EXTRACTED RECORDS »
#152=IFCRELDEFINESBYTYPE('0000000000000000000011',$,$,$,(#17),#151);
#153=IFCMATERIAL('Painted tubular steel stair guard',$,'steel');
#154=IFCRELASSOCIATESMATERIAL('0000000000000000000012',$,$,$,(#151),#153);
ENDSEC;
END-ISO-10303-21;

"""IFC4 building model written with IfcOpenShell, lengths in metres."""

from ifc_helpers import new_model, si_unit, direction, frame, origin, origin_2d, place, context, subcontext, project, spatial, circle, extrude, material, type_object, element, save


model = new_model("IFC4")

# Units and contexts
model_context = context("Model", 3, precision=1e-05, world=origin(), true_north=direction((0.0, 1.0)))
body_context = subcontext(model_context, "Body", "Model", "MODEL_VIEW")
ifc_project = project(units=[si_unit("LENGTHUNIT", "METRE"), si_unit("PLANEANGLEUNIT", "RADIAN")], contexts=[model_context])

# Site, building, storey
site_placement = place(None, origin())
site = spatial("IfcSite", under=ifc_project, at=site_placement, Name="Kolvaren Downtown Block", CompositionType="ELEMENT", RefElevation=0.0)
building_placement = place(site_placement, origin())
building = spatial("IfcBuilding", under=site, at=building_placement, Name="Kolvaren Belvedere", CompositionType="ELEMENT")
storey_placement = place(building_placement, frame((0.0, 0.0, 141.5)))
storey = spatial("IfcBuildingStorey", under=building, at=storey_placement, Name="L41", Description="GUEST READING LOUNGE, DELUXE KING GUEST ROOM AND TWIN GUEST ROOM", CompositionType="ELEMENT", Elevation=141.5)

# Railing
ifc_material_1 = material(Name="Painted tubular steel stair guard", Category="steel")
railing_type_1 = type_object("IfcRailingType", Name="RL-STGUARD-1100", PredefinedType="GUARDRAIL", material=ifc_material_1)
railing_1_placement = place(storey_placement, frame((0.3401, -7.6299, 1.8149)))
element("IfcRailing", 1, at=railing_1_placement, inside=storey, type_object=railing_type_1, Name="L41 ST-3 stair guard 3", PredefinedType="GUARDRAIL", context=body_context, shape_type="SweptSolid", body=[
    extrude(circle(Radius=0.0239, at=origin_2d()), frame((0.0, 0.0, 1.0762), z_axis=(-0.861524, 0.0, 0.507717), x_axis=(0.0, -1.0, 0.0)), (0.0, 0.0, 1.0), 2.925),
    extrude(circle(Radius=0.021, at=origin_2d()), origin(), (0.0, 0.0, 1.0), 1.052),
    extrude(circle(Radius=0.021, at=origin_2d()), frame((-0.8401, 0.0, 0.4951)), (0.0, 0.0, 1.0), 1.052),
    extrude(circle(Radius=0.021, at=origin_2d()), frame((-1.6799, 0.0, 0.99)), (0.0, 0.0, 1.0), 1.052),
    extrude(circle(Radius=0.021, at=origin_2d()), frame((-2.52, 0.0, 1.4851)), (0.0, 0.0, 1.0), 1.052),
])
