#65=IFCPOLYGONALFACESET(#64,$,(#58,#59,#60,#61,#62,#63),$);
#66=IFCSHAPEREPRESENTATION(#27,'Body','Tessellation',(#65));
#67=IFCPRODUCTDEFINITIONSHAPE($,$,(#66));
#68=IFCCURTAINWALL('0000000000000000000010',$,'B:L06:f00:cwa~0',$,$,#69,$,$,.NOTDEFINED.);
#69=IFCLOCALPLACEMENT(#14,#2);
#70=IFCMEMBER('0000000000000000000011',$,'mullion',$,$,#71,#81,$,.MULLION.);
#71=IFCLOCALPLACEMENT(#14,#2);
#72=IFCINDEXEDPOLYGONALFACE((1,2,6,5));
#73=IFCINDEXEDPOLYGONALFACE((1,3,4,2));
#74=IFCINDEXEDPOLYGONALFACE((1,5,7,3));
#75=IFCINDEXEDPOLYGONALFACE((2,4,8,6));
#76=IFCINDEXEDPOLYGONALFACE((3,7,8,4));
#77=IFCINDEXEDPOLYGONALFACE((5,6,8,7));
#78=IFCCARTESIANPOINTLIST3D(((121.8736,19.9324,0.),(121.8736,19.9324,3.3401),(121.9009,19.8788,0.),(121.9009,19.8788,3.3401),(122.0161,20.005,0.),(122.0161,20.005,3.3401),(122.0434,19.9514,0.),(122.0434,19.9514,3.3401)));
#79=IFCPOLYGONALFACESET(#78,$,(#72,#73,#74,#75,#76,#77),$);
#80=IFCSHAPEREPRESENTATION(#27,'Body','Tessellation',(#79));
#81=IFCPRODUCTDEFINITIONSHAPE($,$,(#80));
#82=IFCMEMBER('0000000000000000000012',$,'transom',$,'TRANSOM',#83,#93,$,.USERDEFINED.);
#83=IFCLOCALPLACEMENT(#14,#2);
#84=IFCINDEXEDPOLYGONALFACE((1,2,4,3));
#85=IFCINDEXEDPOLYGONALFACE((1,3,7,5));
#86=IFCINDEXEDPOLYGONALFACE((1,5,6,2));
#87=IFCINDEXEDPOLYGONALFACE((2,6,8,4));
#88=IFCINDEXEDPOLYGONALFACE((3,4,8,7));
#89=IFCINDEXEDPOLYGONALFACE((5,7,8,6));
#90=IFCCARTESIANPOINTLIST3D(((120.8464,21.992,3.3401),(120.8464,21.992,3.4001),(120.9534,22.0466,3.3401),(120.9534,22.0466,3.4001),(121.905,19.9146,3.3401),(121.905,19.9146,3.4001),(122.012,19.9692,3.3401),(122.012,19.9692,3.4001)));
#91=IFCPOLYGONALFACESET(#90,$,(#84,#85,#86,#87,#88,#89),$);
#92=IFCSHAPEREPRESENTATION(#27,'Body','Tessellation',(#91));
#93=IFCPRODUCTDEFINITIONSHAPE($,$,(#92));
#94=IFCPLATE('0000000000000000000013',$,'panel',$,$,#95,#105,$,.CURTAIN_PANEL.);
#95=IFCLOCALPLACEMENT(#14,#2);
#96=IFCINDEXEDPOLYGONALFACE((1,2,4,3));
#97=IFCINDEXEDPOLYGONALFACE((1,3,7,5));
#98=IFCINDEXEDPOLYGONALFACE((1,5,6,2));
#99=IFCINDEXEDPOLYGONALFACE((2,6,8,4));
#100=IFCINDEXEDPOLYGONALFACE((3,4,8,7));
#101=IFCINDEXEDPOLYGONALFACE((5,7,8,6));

DESCRIPTION OF THE TASK »
Print out the whole listing exactly as it appears.

TASK SOLUTION »
#152=IFCRELDEFINESBYTYPE('0000000000000000000011',$,$,$,(#17),#151);
#153=IFCMATERIAL('Painted tubular steel stair guard',$,'steel');
#154=IFCRELASSOCIATESMATERIAL('0000000000000000000012',$,$,$,(#151),#153);
ENDSEC;
END-ISO-10303-21;

"""IFC4 building model written with IfcOpenShell, lengths in metres."""

from ifc_helpers import new_model, si_unit, direction, frame, origin, origin_2d, place, context, subcontext, project, spatial, circle, extrude, material, type_object, element, save


model = new_model("IFC4")

# Units and contexts
model_context = context("Model", 3, precision=1e-05, world=origin(), true_north=direction((0.0, 1.0)))
body_context = subcontext(model_context, "Body", "Model", "MODEL_VIEW")
ifc_project = project(units=[si_unit("LENGTHUNIT", "METRE"), si_unit("PLANEANGLEUNIT", "RADIAN")], contexts=[model_context])

# Site, building, storey
site_placement = place(None, origin())
site = spatial("IfcSite", under=ifc_project, at=site_placement, Name="Kolvaren Downtown Block", CompositionType="ELEMENT", RefElevation=0.0)
building_placement = place(site_placement, origin())
building = spatial("IfcBuilding", under=site, at=building_placement, Name="Kolvaren Belvedere", CompositionType="ELEMENT")
storey_placement = place(building_placement, frame((0.0, 0.0, 141.5)))
storey = spatial("IfcBuildingStorey", under=building, at=storey_placement, Name="L41", Description="GUEST READING LOUNGE, DELUXE KING GUEST ROOM AND TWIN GUEST ROOM", CompositionType="ELEMENT", Elevation=141.5)

# Railing
ifc_material_1 = material(Name="Painted tubular steel stair guard", Category="steel")
railing_type_1 = type_object("IfcRailingType", Name="RL-STGUARD-1100", PredefinedType="GUARDRAIL", material=ifc_material_1)
railing_1_placement = place(storey_placement, frame((0.3401, -7.6299, 1.8149)))
element("IfcRailing", 1, at=railing_1_placement, inside=storey, type_object=railing_type_1, Name="L41 ST-3 stair guard 3", PredefinedType="GUARDRAIL", context=body_context, shape_type="SweptSolid", body=[
    extrude(circle(Radius=0.0239, at=origin_2d()), frame((0.0, 0.0, 1.0762), z_axis=(-0.861524, 0.0, 0.507717), x_axis=(0.0, -1.0, 0.0)), (0.0, 0.0, 1.0), 2.925),
    extrude(circle(Radius=0.021, at=origin_2d()), origin(), (0.0, 0.0, 1.0), 1.052),
    extrude(circle(Radius=0.021, at=origin_2d()), frame((-0.8401, 0.0, 0.4951)), (0.0, 0.0, 1.0), 1.052),
    extrude(circle(Radius=0.021, at=origin_2d()), frame((-1.6799, 0.0, 0.99)), (0.0, 0.0, 1.0), 1.052),
    extrude(circle(Radius=0.021, at=origin_2d()), frame((-2.52, 0.0, 1.4851)), (0.0, 0.0, 1.0), 1.052),
])
#65=IFCPOLYGONALFACESET(#64,$,(#58,#59,#60,#61,#62,#63),$);
#66=IFCSHAPEREPRESENTATION(#27,'Body','Tessellation',(#65));
#67=IFCPRODUCTDEFINITIONSHAPE($,$,(#66));
#68=IFCCURTAINWALL('0000000000000000000010',$,'B:L06:f00:cwa~0',$,$,#69,$,$,.NOTDEFINED.);
#69=IFCLOCALPLACEMENT(#14,#2);
#70=IFCMEMBER('0000000000000000000011',$,'mullion',$,$,#71,#81,$,.MULLION.);
#71=IFCLOCALPLACEMENT(#14,#2);
#72=IFCINDEXEDPOLYGONALFACE((1,2,6,5));
#73=IFCINDEXEDPOLYGONALFACE((1,3,4,2));
#74=IFCINDEXEDPOLYGONALFACE((1,5,7,3));
#75=IFCINDEXEDPOLYGONALFACE((2,4,8,6));
#76=IFCINDEXEDPOLYGONALFACE((3,7,8,4));
#77=IFCINDEXEDPOLYGONALFACE((5,6,8,7));
#78=IFCCARTESIANPOINTLIST3D(((121.8736,19.9324,0.),(121.8736,19.9324,3.3401),(121.9009,19.8788,0.),(121.9009,19.8788,3.3401),(122.0161,20.005,0.),(122.0161,20.005,3.3401),(122.0434,19.9514,0.),(122.0434,19.9514,3.3401)));
#79=IFCPOLYGONALFACESET(#78,$,(#72,#73,#74,#75,#76,#77),$);
#80=IFCSHAPEREPRESENTATION(#27,'Body','Tessellation',(#79));
#81=IFCPRODUCTDEFINITIONSHAPE($,$,(#80));
#82=IFCMEMBER('0000000000000000000012',$,'transom',$,'TRANSOM',#83,#93,$,.USERDEFINED.);
#83=IFCLOCALPLACEMENT(#14,#2);
#84=IFCINDEXEDPOLYGONALFACE((1,2,4,3));
#85=IFCINDEXEDPOLYGONALFACE((1,3,7,5));
#86=IFCINDEXEDPOLYGONALFACE((1,5,6,2));
#87=IFCINDEXEDPOLYGONALFACE((2,6,8,4));
#88=IFCINDEXEDPOLYGONALFACE((3,4,8,7));
#89=IFCINDEXEDPOLYGONALFACE((5,7,8,6));
#90=IFCCARTESIANPOINTLIST3D(((120.8464,21.992,3.3401),(120.8464,21.992,3.4001),(120.9534,22.0466,3.3401),(120.9534,22.0466,3.4001),(121.905,19.9146,3.3401),(121.905,19.9146,3.4001),(122.012,19.9692,3.3401),(122.012,19.9692,3.4001)));
#91=IFCPOLYGONALFACESET(#90,$,(#84,#85,#86,#87,#88,#89),$);
#92=IFCSHAPEREPRESENTATION(#27,'Body','Tessellation',(#91));
#93=IFCPRODUCTDEFINITIONSHAPE($,$,(#92));
#94=IFCPLATE('0000000000000000000013',$,'panel',$,$,#95,#105,$,.CURTAIN_PANEL.);
#95=IFCLOCALPLACEMENT(#14,#2);
#96=IFCINDEXEDPOLYGONALFACE((1,2,4,3));
#97=IFCINDEXEDPOLYGONALFACE((1,3,7,5));
#98=IFCINDEXEDPOLYGONALFACE((1,5,6,2));
#99=IFCINDEXEDPOLYGONALFACE((2,6,8,4));
#100=IFCINDEXEDPOLYGONALFACE((3,4,8,7));
#101=IFCINDEXEDPOLYGONALFACE((5,7,8,6));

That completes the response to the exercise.